**Items from a dataset:**
----

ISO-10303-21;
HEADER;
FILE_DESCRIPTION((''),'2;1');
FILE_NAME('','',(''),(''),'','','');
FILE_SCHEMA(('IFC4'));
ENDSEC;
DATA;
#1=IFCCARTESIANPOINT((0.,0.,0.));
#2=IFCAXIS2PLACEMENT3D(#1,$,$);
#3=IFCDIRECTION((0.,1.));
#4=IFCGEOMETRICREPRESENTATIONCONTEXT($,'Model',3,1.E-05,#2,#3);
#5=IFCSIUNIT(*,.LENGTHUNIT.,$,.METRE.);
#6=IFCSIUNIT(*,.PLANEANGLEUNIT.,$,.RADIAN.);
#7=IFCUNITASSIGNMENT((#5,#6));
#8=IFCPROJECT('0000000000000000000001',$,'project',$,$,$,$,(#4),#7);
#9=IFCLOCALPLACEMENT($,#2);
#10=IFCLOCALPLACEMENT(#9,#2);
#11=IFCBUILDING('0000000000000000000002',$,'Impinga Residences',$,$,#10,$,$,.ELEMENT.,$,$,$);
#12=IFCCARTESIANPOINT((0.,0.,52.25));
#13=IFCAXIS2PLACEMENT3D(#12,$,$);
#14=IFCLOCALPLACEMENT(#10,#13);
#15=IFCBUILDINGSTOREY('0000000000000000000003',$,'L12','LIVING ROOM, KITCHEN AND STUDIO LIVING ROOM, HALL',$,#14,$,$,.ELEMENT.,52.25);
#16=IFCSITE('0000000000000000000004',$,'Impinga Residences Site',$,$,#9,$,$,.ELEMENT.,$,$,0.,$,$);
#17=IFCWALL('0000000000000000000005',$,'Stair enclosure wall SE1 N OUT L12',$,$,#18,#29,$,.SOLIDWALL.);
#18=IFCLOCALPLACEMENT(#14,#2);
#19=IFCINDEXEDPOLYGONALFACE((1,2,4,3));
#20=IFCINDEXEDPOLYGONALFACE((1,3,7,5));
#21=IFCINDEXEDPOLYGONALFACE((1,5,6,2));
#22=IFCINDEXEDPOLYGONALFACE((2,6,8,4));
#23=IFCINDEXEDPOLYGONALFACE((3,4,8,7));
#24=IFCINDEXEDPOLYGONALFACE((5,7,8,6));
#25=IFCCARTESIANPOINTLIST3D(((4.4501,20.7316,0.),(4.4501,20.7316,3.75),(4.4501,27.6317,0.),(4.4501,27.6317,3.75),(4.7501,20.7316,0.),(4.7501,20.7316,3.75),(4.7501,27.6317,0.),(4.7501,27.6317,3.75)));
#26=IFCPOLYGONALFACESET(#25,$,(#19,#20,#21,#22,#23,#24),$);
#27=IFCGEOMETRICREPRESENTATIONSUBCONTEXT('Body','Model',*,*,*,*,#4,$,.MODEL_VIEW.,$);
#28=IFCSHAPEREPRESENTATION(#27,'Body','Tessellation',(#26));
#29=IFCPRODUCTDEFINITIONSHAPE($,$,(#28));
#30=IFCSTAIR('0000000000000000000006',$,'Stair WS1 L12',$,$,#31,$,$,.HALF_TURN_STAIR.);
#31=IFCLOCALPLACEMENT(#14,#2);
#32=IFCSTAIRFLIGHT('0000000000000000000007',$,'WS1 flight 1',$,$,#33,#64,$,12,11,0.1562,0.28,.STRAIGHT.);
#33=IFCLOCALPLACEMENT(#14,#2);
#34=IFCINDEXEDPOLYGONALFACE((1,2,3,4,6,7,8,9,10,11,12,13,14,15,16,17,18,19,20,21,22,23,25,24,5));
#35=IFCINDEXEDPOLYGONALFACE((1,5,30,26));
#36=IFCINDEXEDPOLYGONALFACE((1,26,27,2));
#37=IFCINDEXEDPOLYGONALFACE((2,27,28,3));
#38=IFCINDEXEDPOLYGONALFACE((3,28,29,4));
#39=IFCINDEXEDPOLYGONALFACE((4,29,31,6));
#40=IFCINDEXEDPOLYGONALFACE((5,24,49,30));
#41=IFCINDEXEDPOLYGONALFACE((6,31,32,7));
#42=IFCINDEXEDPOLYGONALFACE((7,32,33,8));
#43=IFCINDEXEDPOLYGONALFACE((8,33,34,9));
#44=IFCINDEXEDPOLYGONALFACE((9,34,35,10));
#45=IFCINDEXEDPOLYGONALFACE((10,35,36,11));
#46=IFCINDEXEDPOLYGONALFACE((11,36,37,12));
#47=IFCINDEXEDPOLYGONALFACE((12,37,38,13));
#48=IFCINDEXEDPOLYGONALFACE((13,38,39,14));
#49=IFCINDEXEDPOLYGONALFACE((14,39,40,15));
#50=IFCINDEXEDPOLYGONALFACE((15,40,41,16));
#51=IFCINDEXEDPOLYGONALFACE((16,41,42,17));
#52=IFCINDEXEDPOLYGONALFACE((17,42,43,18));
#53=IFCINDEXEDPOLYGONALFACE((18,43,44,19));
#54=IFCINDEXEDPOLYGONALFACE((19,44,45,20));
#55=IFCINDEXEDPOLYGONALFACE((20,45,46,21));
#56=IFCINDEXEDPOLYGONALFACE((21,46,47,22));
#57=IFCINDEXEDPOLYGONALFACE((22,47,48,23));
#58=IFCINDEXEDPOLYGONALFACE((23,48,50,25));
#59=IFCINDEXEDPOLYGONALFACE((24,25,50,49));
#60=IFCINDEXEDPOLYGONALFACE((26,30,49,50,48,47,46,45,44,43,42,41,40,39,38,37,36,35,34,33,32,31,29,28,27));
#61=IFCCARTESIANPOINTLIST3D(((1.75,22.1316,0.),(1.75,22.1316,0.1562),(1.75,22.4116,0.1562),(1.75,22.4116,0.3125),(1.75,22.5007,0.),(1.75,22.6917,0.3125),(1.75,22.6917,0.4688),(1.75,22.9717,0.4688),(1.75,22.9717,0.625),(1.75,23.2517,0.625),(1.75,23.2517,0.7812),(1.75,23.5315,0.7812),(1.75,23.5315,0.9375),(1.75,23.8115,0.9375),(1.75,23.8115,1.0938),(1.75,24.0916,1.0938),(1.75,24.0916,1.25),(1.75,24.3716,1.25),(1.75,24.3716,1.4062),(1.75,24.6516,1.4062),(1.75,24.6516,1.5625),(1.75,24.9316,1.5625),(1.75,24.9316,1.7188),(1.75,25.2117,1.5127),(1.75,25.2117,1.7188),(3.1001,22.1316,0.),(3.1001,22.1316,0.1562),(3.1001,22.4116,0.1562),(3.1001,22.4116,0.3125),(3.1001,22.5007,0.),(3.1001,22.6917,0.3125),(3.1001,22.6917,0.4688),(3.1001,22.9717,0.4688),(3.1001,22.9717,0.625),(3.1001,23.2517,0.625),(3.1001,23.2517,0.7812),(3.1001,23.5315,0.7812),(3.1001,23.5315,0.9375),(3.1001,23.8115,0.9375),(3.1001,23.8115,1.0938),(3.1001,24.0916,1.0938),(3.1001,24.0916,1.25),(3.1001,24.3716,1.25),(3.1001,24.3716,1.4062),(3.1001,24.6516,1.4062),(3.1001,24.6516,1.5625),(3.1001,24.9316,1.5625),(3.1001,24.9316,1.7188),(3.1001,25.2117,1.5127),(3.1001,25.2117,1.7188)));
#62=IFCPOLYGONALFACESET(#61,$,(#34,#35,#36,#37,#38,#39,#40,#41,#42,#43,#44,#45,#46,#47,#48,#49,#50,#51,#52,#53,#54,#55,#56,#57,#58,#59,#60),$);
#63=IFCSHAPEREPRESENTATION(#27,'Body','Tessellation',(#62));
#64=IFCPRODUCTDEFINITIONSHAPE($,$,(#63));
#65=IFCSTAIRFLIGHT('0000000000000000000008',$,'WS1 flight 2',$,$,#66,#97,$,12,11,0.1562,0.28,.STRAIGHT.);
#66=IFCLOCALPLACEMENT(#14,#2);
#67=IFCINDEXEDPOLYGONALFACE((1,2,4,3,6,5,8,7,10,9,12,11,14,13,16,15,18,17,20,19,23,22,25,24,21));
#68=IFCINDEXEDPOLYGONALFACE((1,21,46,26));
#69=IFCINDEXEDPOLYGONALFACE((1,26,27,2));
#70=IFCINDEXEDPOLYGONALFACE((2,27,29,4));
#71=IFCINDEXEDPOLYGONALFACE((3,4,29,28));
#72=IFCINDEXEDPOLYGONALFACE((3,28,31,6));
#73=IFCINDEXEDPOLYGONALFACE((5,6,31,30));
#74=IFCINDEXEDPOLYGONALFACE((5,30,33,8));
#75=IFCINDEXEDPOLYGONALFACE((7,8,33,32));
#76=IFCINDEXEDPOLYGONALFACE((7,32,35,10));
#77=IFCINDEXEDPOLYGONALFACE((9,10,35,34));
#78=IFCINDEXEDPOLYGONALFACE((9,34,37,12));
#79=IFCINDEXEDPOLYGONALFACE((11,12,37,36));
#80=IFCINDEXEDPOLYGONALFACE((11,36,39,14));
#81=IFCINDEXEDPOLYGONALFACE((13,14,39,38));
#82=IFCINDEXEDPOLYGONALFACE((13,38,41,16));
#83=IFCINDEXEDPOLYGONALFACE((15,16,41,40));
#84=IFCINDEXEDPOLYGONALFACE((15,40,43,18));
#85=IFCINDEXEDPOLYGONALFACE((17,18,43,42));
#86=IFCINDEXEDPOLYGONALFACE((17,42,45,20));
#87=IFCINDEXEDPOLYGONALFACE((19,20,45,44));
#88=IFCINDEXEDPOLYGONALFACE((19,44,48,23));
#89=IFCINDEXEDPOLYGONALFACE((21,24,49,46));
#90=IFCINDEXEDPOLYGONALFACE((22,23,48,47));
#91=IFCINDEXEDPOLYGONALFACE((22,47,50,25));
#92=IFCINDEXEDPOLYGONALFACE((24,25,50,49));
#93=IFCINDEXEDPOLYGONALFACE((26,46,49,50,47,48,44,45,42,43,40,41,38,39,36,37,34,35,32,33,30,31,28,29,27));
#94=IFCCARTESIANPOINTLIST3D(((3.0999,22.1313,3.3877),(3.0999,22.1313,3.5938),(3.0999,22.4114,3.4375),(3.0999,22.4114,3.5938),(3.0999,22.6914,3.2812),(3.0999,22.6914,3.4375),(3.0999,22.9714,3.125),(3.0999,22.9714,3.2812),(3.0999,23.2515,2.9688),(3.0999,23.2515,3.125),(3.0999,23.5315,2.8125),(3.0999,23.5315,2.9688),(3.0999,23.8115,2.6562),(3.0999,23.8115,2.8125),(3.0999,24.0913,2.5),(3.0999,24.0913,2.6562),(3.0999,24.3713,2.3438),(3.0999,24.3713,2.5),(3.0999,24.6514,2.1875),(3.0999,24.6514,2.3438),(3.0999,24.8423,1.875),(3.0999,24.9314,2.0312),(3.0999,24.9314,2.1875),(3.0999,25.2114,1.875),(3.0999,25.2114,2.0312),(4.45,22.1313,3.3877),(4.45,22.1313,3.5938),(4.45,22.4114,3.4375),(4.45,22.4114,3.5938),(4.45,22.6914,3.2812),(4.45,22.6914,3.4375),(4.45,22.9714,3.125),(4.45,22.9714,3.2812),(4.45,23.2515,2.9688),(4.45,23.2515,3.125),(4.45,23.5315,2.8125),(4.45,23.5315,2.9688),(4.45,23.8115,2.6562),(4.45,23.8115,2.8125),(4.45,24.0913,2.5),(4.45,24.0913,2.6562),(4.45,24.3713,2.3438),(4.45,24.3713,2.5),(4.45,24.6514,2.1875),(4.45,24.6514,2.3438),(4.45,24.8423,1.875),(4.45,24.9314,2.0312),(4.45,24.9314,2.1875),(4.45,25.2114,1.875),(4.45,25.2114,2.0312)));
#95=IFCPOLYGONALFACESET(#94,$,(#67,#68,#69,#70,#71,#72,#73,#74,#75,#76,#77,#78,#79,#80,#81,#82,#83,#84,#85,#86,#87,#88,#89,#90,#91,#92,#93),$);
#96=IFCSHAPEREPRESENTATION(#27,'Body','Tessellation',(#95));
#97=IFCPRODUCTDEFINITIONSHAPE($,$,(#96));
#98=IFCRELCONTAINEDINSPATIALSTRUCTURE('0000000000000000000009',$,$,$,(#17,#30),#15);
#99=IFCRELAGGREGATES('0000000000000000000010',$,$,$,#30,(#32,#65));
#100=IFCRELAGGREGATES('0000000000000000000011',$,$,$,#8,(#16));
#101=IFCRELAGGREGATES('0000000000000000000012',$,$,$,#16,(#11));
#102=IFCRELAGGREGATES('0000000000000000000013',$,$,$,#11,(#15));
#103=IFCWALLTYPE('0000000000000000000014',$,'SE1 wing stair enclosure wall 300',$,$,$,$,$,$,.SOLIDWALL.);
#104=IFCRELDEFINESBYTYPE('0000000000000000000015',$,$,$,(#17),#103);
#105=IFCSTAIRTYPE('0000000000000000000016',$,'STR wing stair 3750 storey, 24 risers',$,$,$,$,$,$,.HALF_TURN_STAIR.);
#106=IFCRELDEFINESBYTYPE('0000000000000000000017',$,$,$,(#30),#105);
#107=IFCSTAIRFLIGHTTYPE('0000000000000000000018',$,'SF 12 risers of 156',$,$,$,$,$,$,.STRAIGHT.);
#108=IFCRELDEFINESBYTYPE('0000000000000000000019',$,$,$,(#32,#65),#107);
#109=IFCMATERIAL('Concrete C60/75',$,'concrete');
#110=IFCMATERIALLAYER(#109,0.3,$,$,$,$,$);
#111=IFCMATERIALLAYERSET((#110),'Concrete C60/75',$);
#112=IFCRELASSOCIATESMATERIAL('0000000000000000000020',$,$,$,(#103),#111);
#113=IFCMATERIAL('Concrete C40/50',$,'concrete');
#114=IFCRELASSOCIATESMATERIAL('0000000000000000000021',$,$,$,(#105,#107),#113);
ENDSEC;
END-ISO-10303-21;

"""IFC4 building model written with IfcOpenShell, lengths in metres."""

from ifc_helpers import new_model, si_unit, direction, frame, frame_2d, origin, place, context, subcontext, project, spatial, polyline, rectangle, outline, extrude, material, layer, layer_set, type_object, element, aggregate, save


model = new_model("IFC4")

# Units and contexts
model_context = context("Model", 3, precision=1e-05, world=origin(), true_north=direction((0.0, 1.0)))
body_context = subcontext(model_context, "Body", "Model", "MODEL_VIEW")
ifc_project = project(units=[si_unit("LENGTHUNIT", "METRE"), si_unit("PLANEANGLEUNIT", "RADIAN")], contexts=[model_context])

# Site, building, storey
site_placement = place(None, origin())
site = spatial("IfcSite", under=ifc_project, at=site_placement, Name="Impinga Residences Site", CompositionType="ELEMENT", RefElevation=0.0)
building_placement = place(site_placement, origin())
building = spatial("IfcBuilding", under=site, at=building_placement, Name="Impinga Residences", CompositionType="ELEMENT")
storey_placement = place(building_placement, frame((0.0, 0.0, 52.25)))
storey = spatial("IfcBuildingStorey", under=building, at=storey_placement, Name="L12", Description="LIVING ROOM, KITCHEN AND STUDIO LIVING ROOM, HALL", CompositionType="ELEMENT", Elevation=52.25)

# Shared definitions
ifc_material_1 = material(Name="Concrete C60/75", Category="concrete")

# Wall
ifc_layer_1 = layer(ifc_material_1, 0.3)
ifc_layer_set_1 = layer_set([ifc_layer_1], Name="Concrete C60/75")
wall_type_1 = type_object("IfcWallType", Name="SE1 wing stair enclosure wall 300", PredefinedType="SOLIDWALL", material=ifc_layer_set_1)
wall_1_placement = place(storey_placement, frame((4.6001, 20.7314, 0.0), z_axis=(0.0, 0.0, 1.0), x_axis=(0.0, 1.0, 0.0)))
element("IfcWall", 1, at=wall_1_placement, inside=storey, type_object=wall_type_1, Name="Stair enclosure wall SE1 N OUT L12", PredefinedType="SOLIDWALL", context=body_context, shape_type="SweptSolid", body=[
    extrude(rectangle(XDim=6.9001, YDim=0.3, at=frame_2d((3.4502, 0.0))), origin(), (0.0, 0.0, 1.0), 3.75),
])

----

**Exercise objective:**
Transcribe the lines from the first line of the records through the line that contains "LIVING ROOM, HALL',$,#14,$,$,.ELEMENT.,52.25);", both included, and add nothing else.

**Answer to the problem:**
ISO-10303-21;
HEADER;
FILE_DESCRIPTION((''),'2;1');
FILE_NAME('','',(''),(''),'','','');
FILE_SCHEMA(('IFC4'));
ENDSEC;
DATA;
#1=IFCCARTESIANPOINT((0.,0.,0.));
#2=IFCAXIS2PLACEMENT3D(#1,$,$);
#3=IFCDIRECTION((0.,1.));
#4=IFCGEOMETRICREPRESENTATIONCONTEXT($,'Model',3,1.E-05,#2,#3);
#5=IFCSIUNIT(*,.LENGTHUNIT.,$,.METRE.);
#6=IFCSIUNIT(*,.PLANEANGLEUNIT.,$,.RADIAN.);
#7=IFCUNITASSIGNMENT((#5,#6));
#8=IFCPROJECT('0000000000000000000001',$,'project',$,$,$,$,(#4),#7);
#9=IFCLOCALPLACEMENT($,#2);
#10=IFCLOCALPLACEMENT(#9,#2);
#11=IFCBUILDING('0000000000000000000002',$,'Impinga Residences',$,$,#10,$,$,.ELEMENT.,$,$,$);
#12=IFCCARTESIANPOINT((0.,0.,52.25));
#13=IFCAXIS2PLACEMENT3D(#12,$,$);
#14=IFCLOCALPLACEMENT(#10,#13);
#15=IFCBUILDINGSTOREY('0000000000000000000003',$,'L12','LIVING ROOM, KITCHEN AND STUDIO LIVING ROOM, HALL',$,#14,$,$,.ELEMENT.,52.25);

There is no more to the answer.